- **EXERCISE**: In the entries below, find the line with "#172=IFCRELAGGREGATES('0000000000000000000024',$,$,$,#8,(#16));" and the line with "WALL CW5 PODIUM',$,$,$,$,$,$,.NOTDEFINED.);"; give again those lines and every line between them, exactly.

- **INPUT DATA**:
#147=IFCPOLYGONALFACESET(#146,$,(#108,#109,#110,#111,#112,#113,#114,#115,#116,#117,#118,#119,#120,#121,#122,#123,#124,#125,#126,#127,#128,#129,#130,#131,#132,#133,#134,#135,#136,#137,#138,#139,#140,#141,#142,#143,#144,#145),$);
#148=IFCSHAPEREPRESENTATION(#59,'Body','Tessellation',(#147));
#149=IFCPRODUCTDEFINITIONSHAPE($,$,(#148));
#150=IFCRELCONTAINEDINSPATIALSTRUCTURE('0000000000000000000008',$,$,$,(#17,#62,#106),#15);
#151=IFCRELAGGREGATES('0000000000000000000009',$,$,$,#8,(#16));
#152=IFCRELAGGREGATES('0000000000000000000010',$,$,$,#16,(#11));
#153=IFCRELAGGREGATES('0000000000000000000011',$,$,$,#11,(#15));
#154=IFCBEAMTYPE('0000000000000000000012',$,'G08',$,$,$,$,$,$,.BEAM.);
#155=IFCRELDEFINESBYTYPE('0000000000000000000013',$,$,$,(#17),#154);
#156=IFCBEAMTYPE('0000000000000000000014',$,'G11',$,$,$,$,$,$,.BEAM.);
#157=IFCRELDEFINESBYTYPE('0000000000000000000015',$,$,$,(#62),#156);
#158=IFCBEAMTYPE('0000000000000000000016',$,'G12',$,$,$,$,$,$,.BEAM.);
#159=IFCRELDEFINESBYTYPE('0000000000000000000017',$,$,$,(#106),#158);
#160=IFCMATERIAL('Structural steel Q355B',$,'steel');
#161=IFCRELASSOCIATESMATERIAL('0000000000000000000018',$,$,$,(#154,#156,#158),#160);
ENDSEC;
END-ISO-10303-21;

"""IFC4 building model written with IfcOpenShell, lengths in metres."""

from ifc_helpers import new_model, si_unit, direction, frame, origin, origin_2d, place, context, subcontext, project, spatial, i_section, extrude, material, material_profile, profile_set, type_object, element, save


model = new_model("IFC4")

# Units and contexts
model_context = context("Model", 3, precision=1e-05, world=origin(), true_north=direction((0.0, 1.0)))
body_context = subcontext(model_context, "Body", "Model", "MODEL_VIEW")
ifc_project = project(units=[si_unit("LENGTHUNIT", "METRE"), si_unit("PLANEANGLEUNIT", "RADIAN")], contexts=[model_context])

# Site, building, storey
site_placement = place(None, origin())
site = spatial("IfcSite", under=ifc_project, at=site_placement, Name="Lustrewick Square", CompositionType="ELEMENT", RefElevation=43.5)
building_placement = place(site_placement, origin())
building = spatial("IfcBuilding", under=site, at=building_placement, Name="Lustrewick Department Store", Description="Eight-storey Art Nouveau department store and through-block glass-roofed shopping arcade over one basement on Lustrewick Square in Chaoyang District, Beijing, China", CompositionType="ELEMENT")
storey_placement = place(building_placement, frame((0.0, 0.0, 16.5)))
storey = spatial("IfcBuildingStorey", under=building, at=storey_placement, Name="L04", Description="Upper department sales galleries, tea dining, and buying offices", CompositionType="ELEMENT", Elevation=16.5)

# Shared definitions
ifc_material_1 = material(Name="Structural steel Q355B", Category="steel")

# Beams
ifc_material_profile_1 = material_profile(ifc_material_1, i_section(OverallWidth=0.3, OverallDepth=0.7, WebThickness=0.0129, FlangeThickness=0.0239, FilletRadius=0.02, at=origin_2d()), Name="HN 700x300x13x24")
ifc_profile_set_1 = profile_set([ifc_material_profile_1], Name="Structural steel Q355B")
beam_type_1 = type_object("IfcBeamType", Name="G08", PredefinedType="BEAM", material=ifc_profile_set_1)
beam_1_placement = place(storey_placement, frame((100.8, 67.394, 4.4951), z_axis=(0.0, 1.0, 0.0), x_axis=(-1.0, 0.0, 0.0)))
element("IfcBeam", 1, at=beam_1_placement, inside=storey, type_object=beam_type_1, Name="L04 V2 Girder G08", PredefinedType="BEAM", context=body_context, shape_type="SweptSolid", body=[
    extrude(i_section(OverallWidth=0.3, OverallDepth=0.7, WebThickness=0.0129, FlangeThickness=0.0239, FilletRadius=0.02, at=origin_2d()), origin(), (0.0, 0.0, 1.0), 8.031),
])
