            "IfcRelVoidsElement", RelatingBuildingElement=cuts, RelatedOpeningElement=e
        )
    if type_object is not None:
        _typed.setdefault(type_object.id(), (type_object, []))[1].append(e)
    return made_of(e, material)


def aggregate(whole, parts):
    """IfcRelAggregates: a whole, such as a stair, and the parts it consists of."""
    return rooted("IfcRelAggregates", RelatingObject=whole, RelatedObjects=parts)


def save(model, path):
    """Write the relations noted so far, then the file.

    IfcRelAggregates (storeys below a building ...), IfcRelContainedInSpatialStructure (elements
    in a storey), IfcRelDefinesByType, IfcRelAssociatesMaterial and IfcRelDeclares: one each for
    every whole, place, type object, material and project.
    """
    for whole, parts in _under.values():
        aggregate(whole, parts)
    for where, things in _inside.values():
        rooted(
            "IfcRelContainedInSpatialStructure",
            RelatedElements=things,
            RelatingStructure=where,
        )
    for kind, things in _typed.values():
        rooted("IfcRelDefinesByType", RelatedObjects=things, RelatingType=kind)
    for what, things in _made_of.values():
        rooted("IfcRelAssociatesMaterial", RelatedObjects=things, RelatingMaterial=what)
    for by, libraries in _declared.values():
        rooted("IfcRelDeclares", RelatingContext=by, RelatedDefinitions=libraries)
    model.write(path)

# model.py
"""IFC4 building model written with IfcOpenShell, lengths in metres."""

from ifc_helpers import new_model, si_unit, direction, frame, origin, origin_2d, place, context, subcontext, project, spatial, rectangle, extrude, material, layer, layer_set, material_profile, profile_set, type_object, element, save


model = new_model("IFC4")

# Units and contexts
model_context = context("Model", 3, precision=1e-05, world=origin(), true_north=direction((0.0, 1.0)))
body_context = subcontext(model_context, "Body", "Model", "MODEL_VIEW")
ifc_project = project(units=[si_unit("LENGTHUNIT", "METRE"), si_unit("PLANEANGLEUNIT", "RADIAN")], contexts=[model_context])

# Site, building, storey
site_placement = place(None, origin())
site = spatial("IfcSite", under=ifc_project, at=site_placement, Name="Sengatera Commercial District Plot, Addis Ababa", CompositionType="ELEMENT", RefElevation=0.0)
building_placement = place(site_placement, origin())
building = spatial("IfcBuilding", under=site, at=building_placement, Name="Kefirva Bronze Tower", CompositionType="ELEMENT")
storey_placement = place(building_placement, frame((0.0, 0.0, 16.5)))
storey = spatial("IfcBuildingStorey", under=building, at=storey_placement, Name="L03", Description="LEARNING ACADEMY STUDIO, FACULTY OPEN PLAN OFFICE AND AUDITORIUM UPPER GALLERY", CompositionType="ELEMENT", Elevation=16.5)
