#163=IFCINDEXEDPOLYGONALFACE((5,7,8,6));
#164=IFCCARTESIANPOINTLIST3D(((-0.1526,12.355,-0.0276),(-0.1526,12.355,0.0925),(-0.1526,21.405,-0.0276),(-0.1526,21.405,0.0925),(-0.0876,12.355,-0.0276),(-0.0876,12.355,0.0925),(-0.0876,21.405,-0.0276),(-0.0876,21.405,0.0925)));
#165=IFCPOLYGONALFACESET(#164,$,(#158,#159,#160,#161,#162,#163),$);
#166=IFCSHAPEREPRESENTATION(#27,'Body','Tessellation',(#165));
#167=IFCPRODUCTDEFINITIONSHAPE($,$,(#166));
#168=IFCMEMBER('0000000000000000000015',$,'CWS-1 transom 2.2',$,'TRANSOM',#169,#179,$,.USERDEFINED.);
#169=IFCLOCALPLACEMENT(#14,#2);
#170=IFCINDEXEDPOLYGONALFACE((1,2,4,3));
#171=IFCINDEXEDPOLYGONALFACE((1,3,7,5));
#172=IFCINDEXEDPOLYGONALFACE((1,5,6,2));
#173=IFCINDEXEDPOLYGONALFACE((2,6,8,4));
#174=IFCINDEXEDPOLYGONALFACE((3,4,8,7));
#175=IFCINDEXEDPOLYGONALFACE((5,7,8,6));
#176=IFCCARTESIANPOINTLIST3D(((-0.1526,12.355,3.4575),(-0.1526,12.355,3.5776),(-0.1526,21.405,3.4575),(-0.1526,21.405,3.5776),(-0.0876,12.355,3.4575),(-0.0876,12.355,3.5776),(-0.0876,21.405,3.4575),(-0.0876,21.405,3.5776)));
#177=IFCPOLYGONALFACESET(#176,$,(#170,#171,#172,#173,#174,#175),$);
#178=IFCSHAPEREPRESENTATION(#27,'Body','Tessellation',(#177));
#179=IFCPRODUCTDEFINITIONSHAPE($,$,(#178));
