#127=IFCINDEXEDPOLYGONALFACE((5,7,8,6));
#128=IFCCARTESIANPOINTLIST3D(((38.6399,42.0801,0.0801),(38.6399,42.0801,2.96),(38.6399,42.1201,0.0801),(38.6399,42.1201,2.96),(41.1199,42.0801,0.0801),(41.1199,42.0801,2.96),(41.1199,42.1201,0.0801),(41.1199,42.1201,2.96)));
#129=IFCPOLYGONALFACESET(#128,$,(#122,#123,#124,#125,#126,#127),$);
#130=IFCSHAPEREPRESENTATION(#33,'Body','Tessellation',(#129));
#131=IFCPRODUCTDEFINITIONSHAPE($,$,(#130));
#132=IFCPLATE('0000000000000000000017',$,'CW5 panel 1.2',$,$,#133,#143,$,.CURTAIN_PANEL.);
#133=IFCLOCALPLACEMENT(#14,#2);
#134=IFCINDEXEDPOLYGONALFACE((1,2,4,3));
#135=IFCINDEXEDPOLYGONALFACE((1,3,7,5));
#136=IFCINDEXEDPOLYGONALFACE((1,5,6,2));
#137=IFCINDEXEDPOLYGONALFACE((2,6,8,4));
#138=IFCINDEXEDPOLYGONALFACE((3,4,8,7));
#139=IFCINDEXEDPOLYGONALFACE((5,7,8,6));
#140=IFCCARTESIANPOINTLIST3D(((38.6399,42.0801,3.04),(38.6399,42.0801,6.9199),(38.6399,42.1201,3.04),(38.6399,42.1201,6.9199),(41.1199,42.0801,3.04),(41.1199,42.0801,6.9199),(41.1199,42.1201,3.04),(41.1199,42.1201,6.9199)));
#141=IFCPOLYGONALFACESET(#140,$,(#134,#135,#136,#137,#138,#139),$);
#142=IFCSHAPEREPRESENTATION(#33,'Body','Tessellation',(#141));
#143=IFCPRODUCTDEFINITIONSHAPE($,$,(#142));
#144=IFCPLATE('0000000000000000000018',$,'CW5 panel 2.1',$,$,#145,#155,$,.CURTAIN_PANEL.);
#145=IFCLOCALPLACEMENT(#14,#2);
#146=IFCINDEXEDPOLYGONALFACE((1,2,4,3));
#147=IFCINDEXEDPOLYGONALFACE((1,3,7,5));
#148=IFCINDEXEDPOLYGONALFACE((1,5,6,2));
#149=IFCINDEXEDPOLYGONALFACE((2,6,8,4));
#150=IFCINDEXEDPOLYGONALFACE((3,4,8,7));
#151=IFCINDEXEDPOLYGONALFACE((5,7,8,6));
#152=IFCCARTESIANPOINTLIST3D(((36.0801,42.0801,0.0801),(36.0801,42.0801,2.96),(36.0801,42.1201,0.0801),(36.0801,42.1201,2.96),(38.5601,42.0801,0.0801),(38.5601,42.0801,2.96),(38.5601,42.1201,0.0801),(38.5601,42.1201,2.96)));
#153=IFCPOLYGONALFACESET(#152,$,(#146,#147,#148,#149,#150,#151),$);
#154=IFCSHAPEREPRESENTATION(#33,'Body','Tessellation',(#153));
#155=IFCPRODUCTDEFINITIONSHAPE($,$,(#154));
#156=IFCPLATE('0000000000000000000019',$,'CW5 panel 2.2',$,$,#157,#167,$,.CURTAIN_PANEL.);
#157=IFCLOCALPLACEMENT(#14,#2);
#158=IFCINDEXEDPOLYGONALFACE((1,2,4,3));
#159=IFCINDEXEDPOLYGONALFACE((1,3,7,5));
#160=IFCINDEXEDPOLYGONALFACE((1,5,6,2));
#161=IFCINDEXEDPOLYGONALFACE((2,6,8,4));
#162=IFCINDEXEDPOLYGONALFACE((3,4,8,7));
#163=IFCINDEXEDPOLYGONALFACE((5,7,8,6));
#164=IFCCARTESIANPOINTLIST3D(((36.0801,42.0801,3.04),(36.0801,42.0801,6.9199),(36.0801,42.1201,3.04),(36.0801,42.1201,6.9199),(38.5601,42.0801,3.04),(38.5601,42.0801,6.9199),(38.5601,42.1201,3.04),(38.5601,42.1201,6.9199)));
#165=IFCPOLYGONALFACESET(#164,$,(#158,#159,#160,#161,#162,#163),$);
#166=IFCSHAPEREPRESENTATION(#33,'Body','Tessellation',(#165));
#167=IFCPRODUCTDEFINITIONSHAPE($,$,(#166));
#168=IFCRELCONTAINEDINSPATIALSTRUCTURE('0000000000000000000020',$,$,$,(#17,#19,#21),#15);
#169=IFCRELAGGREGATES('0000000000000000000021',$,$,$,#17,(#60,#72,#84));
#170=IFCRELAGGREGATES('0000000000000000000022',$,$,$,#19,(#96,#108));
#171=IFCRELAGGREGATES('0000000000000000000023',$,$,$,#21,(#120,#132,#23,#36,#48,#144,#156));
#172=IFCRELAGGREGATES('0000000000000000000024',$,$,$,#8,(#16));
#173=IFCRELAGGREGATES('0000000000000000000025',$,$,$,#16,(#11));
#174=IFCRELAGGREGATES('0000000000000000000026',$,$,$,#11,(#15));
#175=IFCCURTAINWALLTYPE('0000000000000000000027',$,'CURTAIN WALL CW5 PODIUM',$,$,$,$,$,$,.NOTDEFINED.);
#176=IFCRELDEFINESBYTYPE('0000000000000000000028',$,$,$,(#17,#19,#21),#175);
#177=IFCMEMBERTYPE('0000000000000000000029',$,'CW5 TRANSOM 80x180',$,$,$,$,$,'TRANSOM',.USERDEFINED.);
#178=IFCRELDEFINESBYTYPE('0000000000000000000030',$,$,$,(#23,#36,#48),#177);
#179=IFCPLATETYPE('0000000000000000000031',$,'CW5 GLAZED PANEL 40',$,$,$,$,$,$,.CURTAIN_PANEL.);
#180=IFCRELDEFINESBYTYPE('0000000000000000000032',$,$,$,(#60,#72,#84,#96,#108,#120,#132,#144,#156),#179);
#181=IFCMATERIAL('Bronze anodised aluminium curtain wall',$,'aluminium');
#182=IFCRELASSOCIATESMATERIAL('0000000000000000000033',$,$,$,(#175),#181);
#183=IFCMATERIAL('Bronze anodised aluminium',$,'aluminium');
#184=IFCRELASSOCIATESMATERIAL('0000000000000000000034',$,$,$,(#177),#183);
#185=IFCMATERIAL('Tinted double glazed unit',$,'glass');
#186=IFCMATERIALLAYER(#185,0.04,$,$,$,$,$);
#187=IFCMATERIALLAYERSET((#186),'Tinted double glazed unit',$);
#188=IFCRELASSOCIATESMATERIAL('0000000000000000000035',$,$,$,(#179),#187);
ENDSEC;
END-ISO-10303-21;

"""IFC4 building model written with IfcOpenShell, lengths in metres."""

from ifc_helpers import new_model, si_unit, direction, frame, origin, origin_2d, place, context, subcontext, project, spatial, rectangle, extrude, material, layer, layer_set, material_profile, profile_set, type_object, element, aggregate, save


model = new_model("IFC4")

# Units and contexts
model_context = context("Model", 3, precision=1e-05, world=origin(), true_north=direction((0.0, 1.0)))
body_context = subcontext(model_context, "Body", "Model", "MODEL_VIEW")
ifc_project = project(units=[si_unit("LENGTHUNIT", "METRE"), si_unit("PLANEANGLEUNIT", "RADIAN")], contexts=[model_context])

- **TASK SOLUTION**:
#172=IFCRELAGGREGATES('0000000000000000000024',$,$,$,#8,(#16));
#173=IFCRELAGGREGATES('0000000000000000000025',$,$,$,#16,(#11));
#174=IFCRELAGGREGATES('0000000000000000000026',$,$,$,#11,(#15));
#175=IFCCURTAINWALLTYPE('0000000000000000000027',$,'CURTAIN WALL CW5 PODIUM',$,$,$,$,$,$,.NOTDEFINED.);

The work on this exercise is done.